TASK PROMPT
Return a copy of every line in the data below that contains "IFCPOLYGONALFACESET".

[Opening RECORDS PROVIDED section]

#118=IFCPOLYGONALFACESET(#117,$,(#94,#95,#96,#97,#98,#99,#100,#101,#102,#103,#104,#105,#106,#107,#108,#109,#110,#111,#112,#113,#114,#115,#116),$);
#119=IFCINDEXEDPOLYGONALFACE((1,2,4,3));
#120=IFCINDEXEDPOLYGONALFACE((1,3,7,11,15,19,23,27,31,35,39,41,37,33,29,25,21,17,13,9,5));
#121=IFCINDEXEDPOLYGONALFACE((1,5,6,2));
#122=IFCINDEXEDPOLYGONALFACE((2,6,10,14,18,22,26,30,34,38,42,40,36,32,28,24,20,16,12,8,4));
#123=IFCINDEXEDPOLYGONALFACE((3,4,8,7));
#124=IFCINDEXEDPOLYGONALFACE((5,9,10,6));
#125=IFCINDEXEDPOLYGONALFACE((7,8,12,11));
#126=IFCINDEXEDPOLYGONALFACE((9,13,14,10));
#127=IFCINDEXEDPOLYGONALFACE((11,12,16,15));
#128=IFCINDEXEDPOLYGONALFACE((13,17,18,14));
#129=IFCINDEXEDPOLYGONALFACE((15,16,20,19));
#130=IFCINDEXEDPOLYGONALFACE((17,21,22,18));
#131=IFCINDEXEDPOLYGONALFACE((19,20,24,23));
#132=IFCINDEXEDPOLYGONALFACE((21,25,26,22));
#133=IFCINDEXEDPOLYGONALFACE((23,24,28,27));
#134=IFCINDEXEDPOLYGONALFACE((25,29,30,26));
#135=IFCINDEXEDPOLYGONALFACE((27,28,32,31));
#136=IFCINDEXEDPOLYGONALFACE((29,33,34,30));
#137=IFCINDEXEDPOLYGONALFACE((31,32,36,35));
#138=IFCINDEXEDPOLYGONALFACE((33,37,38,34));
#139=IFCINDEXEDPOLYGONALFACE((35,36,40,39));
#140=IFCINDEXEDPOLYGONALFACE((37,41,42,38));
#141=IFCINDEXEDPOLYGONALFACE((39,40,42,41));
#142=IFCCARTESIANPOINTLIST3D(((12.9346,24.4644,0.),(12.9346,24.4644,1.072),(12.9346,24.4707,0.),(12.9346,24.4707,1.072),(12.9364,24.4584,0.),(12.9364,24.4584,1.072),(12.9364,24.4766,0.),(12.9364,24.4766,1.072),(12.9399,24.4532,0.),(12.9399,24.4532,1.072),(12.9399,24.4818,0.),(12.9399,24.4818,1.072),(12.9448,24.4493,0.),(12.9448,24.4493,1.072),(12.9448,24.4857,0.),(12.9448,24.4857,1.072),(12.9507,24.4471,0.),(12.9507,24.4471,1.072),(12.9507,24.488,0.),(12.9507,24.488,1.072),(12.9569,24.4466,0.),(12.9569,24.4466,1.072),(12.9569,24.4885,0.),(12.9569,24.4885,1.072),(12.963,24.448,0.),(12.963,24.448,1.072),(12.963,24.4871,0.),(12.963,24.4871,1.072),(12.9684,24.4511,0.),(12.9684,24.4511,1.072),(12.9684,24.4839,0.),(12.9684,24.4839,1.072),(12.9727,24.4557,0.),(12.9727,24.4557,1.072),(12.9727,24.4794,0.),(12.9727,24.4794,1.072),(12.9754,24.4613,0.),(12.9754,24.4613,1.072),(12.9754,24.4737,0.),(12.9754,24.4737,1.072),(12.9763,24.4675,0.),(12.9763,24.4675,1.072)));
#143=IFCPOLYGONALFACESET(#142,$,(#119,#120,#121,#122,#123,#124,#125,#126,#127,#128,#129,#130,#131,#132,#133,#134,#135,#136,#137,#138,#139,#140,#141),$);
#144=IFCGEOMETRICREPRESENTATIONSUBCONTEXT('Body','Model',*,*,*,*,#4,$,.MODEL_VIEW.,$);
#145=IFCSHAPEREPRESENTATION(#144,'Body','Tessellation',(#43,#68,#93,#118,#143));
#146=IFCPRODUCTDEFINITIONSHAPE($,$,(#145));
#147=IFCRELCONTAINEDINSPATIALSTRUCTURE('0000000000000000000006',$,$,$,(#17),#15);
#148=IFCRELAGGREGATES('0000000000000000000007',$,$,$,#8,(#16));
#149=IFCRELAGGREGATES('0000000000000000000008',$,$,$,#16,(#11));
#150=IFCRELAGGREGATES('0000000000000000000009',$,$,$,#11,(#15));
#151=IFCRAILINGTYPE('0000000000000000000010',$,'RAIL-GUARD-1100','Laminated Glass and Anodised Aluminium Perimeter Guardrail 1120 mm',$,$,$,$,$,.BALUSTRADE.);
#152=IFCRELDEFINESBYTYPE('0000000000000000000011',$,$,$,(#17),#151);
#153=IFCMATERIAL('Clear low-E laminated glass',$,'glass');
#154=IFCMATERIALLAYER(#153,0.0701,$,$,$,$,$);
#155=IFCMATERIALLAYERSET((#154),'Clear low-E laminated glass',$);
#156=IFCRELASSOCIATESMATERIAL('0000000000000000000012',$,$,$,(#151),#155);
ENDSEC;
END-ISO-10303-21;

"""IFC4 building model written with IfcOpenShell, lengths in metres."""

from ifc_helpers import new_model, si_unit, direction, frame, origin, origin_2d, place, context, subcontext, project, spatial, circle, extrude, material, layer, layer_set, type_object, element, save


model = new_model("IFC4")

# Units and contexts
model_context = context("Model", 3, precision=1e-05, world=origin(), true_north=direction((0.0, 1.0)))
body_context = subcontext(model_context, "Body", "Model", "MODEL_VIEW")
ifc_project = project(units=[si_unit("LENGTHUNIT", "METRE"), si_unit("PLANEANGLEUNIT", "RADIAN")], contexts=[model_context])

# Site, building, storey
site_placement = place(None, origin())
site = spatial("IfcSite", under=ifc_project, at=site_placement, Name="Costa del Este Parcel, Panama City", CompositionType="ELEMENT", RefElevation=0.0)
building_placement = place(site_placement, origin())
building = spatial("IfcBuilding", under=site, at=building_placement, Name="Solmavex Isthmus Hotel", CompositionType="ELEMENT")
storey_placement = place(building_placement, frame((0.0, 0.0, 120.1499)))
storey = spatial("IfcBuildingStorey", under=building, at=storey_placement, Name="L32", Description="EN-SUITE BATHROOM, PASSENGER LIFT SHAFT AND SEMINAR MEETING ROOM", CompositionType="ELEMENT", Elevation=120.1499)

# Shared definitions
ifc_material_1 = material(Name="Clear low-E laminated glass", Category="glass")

[Closing RECORDS PROVIDED section]

RESPONSE BELOW
#118=IFCPOLYGONALFACESET(#117,$,(#94,#95,#96,#97,#98,#99,#100,#101,#102,#103,#104,#105,#106,#107,#108,#109,#110,#111,#112,#113,#114,#115,#116),$);
#143=IFCPOLYGONALFACESET(#142,$,(#119,#120,#121,#122,#123,#124,#125,#126,#127,#128,#129,#130,#131,#132,#133,#134,#135,#136,#137,#138,#139,#140,#141),$);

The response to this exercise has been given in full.